- [WORK ITEM]: Repeat the stretch of entries below from the line with "world=origin(), true_north=direction((0.0, 1.0)))" through the line with "site_placement = place(None, origin())". Include both ends and add nothing.

- [RECORDS FOR THIS TASK]:
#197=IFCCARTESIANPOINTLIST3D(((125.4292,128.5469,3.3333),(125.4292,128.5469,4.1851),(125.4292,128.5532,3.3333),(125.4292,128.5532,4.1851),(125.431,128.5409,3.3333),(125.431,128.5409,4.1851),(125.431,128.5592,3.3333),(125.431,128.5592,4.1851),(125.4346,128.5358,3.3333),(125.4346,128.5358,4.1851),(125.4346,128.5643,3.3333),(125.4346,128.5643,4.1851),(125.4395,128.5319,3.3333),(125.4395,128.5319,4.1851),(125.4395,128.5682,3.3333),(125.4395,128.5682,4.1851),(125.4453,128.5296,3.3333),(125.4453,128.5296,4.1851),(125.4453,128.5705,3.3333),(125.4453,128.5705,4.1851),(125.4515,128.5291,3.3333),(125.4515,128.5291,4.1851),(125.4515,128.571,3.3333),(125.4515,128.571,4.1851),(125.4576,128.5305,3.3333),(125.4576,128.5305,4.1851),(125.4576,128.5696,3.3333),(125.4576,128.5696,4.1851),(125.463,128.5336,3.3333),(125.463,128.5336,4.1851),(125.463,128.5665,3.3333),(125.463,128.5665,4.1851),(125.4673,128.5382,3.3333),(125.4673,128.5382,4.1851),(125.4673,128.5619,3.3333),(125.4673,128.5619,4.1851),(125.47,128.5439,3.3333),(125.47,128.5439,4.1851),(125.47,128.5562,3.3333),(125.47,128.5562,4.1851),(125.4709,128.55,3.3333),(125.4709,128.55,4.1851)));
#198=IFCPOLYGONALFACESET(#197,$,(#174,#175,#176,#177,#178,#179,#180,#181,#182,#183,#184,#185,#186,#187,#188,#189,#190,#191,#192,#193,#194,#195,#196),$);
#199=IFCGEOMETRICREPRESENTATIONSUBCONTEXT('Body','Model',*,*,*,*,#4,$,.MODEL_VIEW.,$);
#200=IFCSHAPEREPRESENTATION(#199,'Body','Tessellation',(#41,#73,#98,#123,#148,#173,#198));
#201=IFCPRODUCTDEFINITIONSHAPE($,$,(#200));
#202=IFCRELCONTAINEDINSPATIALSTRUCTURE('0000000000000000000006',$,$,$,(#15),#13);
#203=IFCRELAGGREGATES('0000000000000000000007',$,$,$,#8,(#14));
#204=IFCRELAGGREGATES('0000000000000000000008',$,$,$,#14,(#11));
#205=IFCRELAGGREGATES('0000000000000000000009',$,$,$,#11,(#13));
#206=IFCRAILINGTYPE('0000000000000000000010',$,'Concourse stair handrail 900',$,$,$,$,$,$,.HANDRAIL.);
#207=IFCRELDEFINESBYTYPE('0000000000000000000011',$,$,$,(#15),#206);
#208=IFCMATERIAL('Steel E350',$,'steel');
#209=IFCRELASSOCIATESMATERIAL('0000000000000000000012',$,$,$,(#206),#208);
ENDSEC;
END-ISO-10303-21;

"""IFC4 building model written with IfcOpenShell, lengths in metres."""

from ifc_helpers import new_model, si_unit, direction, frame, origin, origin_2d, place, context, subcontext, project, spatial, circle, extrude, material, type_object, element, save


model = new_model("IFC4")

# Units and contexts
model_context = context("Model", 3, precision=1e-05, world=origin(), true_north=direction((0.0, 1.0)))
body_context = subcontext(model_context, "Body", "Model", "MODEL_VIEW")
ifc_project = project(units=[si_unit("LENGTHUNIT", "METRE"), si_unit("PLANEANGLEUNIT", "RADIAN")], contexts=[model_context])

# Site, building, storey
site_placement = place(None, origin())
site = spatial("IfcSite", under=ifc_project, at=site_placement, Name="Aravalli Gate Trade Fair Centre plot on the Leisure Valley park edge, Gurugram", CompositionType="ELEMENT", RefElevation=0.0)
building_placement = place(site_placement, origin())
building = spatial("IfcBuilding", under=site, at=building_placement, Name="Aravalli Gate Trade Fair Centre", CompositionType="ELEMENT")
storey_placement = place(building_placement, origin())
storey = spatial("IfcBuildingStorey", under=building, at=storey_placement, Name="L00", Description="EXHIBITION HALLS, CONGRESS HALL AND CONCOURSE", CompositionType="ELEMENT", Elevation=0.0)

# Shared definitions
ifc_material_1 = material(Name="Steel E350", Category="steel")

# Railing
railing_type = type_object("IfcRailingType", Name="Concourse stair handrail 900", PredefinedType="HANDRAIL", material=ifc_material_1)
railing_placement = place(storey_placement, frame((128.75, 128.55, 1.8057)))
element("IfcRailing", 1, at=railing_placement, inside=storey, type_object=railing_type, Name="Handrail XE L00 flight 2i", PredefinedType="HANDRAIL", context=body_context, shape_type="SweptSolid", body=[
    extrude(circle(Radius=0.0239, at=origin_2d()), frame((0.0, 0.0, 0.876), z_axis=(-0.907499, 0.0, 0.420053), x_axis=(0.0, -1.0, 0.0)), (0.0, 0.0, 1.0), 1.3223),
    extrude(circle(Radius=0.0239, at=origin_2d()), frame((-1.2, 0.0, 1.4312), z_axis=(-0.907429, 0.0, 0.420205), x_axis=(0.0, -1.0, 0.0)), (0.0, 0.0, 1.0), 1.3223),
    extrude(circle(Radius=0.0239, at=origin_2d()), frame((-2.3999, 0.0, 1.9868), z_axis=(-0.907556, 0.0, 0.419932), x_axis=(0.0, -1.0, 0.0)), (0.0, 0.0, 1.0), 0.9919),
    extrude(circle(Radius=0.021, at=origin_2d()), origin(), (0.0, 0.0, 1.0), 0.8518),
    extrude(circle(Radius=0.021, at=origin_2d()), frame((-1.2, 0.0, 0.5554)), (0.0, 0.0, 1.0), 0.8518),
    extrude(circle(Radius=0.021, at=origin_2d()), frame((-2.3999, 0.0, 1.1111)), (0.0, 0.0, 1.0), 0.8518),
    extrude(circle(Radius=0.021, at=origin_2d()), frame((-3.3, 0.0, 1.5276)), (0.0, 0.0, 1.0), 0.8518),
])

- [PROBLEM SOLUTION]:
model_context = context("Model", 3, precision=1e-05, world=origin(), true_north=direction((0.0, 1.0)))
body_context = subcontext(model_context, "Body", "Model", "MODEL_VIEW")
ifc_project = project(units=[si_unit("LENGTHUNIT", "METRE"), si_unit("PLANEANGLEUNIT", "RADIAN")], contexts=[model_context])

# Site, building, storey
site_placement = place(None, origin())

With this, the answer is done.